- _Data items_
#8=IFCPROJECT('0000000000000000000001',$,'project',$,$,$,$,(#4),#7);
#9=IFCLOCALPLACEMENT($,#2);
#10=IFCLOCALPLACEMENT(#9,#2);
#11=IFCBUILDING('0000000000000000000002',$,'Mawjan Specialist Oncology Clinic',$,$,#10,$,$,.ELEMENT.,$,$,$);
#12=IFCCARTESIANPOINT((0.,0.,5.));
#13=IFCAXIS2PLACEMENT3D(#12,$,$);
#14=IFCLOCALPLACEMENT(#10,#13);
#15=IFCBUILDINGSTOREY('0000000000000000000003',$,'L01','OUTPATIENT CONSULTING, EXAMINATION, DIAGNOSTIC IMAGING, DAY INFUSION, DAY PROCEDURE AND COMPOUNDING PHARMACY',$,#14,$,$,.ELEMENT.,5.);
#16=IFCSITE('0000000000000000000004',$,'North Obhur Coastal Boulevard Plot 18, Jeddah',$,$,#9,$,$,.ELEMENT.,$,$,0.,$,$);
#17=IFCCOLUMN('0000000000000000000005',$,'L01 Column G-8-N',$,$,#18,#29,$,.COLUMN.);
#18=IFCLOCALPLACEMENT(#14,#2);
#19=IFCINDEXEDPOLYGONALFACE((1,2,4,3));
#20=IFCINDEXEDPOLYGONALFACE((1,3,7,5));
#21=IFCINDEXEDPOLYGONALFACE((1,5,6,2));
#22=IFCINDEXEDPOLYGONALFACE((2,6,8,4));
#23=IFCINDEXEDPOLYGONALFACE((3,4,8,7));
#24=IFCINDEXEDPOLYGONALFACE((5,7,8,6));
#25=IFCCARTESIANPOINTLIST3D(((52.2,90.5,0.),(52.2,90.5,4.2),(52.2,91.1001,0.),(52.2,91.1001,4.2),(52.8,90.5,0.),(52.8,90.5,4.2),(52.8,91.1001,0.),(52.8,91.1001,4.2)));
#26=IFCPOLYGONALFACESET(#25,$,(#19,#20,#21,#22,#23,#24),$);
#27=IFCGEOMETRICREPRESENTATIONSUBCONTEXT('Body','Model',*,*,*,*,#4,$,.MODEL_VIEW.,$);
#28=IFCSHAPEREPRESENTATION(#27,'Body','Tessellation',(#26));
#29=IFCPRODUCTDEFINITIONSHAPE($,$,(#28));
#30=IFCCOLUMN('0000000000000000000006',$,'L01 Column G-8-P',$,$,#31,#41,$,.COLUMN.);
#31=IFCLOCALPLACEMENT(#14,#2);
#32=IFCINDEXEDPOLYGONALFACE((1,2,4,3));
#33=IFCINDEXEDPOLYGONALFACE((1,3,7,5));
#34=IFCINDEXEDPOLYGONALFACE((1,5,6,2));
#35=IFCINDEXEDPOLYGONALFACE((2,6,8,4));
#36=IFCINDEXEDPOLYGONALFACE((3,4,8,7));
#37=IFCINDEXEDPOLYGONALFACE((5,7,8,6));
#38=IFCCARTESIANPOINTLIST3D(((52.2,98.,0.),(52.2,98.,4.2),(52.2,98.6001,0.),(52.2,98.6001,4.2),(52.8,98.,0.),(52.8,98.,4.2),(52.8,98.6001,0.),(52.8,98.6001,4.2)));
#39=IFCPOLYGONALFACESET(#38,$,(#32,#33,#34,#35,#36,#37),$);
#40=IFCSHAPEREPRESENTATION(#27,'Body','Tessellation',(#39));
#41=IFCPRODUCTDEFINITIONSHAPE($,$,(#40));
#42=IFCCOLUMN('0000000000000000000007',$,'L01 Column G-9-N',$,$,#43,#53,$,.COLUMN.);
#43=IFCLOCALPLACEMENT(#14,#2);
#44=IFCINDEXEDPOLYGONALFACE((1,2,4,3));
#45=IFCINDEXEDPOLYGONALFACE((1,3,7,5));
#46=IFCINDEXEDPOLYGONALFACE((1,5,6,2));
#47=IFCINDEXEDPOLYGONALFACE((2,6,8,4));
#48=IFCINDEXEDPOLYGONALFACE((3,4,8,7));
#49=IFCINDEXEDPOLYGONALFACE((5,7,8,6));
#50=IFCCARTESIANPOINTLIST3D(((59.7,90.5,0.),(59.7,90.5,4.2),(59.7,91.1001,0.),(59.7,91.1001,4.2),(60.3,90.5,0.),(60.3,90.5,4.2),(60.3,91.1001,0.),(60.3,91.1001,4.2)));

==

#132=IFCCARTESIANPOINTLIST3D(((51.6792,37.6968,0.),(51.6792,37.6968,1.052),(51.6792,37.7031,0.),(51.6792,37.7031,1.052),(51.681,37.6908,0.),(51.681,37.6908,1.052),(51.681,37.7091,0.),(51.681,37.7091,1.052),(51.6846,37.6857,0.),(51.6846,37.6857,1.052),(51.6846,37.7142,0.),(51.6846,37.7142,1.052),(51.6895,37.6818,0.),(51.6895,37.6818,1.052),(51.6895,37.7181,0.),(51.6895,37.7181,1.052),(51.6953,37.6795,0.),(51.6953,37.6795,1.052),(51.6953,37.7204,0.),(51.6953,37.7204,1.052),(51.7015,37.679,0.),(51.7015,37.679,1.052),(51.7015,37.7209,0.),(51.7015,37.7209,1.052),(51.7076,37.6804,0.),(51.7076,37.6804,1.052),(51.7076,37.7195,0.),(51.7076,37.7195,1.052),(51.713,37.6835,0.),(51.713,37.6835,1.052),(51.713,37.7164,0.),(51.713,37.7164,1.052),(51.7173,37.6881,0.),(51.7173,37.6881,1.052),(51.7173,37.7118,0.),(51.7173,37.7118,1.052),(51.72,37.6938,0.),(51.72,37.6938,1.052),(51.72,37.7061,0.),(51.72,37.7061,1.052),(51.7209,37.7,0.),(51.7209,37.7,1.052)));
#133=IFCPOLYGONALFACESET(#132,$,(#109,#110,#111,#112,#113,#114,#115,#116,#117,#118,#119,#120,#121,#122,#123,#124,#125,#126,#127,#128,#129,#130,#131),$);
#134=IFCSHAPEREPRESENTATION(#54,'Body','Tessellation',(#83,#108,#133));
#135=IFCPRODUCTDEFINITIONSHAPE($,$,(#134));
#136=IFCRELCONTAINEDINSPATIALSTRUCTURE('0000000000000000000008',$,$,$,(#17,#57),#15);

- _Work to complete_
Once the line with "#24=IFCINDEXEDPOLYGONALFACE((5,7,8,6));" is found in the records above, print exactly that line and every line after it through the line with "#26=IFCPOLYGONALFACESET(#25,$,(#19,#20,#21,#22,#23,#24),$);".

- _Written reply_
#24=IFCINDEXEDPOLYGONALFACE((5,7,8,6));
#25=IFCCARTESIANPOINTLIST3D(((52.2,90.5,0.),(52.2,90.5,4.2),(52.2,91.1001,0.),(52.2,91.1001,4.2),(52.8,90.5,0.),(52.8,90.5,4.2),(52.8,91.1001,0.),(52.8,91.1001,4.2)));
#26=IFCPOLYGONALFACESET(#25,$,(#19,#20,#21,#22,#23,#24),$);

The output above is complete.